■ Records provided
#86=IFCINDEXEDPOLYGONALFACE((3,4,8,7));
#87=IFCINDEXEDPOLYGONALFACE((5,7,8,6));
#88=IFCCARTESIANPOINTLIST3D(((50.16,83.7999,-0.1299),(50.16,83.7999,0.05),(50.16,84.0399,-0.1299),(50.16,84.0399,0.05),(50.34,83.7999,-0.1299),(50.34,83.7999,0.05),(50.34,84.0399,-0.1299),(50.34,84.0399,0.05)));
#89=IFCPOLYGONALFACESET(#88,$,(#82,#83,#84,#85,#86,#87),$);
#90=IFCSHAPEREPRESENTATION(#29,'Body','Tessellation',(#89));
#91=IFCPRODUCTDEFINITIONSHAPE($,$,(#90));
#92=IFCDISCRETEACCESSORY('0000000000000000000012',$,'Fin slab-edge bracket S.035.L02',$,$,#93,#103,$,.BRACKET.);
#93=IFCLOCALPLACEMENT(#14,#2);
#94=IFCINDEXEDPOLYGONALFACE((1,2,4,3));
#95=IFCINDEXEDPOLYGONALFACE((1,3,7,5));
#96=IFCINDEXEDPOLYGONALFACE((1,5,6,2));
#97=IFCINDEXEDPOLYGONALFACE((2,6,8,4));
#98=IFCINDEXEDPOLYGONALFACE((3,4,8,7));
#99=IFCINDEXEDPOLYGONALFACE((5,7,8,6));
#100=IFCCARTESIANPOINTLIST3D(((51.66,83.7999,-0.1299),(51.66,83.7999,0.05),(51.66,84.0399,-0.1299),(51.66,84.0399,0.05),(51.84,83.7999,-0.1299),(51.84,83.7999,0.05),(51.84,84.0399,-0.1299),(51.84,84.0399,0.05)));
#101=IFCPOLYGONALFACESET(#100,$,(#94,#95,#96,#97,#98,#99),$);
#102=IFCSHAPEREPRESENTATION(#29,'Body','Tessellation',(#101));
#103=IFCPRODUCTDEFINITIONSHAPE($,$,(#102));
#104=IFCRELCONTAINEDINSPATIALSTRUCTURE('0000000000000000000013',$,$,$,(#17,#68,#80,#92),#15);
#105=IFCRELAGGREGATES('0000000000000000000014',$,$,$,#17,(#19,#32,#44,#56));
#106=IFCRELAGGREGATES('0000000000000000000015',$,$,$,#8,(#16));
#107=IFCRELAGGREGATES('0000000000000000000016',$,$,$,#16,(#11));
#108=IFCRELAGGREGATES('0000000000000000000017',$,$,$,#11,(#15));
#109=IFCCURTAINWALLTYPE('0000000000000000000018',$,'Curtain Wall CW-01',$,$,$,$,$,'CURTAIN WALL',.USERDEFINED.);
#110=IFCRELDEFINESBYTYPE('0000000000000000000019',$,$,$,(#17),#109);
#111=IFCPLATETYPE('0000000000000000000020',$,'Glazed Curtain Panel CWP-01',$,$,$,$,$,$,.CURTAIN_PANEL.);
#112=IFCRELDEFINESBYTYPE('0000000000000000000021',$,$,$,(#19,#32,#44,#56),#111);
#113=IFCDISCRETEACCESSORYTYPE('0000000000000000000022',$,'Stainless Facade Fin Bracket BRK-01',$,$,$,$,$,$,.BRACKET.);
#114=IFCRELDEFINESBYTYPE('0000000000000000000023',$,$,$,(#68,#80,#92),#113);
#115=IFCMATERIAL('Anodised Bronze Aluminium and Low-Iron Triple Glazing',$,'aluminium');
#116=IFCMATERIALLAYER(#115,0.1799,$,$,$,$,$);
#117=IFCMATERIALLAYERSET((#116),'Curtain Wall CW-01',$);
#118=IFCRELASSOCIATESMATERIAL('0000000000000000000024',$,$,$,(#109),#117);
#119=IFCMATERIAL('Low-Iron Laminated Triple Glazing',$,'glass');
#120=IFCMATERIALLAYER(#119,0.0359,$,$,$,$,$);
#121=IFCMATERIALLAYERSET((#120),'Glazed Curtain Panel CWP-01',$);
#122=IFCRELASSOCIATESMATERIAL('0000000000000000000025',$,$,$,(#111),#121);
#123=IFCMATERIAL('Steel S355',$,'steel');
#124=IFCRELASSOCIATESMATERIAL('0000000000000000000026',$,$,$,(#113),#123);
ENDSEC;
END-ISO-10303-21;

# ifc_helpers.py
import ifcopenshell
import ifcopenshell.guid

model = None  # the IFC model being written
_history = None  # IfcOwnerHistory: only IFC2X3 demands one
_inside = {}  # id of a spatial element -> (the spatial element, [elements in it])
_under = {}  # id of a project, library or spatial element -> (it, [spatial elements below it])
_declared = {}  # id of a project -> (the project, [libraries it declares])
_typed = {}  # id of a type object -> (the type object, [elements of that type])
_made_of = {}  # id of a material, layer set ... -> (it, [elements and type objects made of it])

■ Exercise
Repeat word for word the lines above that run from the line containing "#91=IFCPRODUCTDEFINITIONSHAPE($,$,(#90));" through the line containing "#96=IFCINDEXEDPOLYGONALFACE((1,5,6,2));", both ends included, and nothing else.

■ Result
#91=IFCPRODUCTDEFINITIONSHAPE($,$,(#90));
#92=IFCDISCRETEACCESSORY('0000000000000000000012',$,'Fin slab-edge bracket S.035.L02',$,$,#93,#103,$,.BRACKET.);
#93=IFCLOCALPLACEMENT(#14,#2);
#94=IFCINDEXEDPOLYGONALFACE((1,2,4,3));
#95=IFCINDEXEDPOLYGONALFACE((1,3,7,5));
#96=IFCINDEXEDPOLYGONALFACE((1,5,6,2));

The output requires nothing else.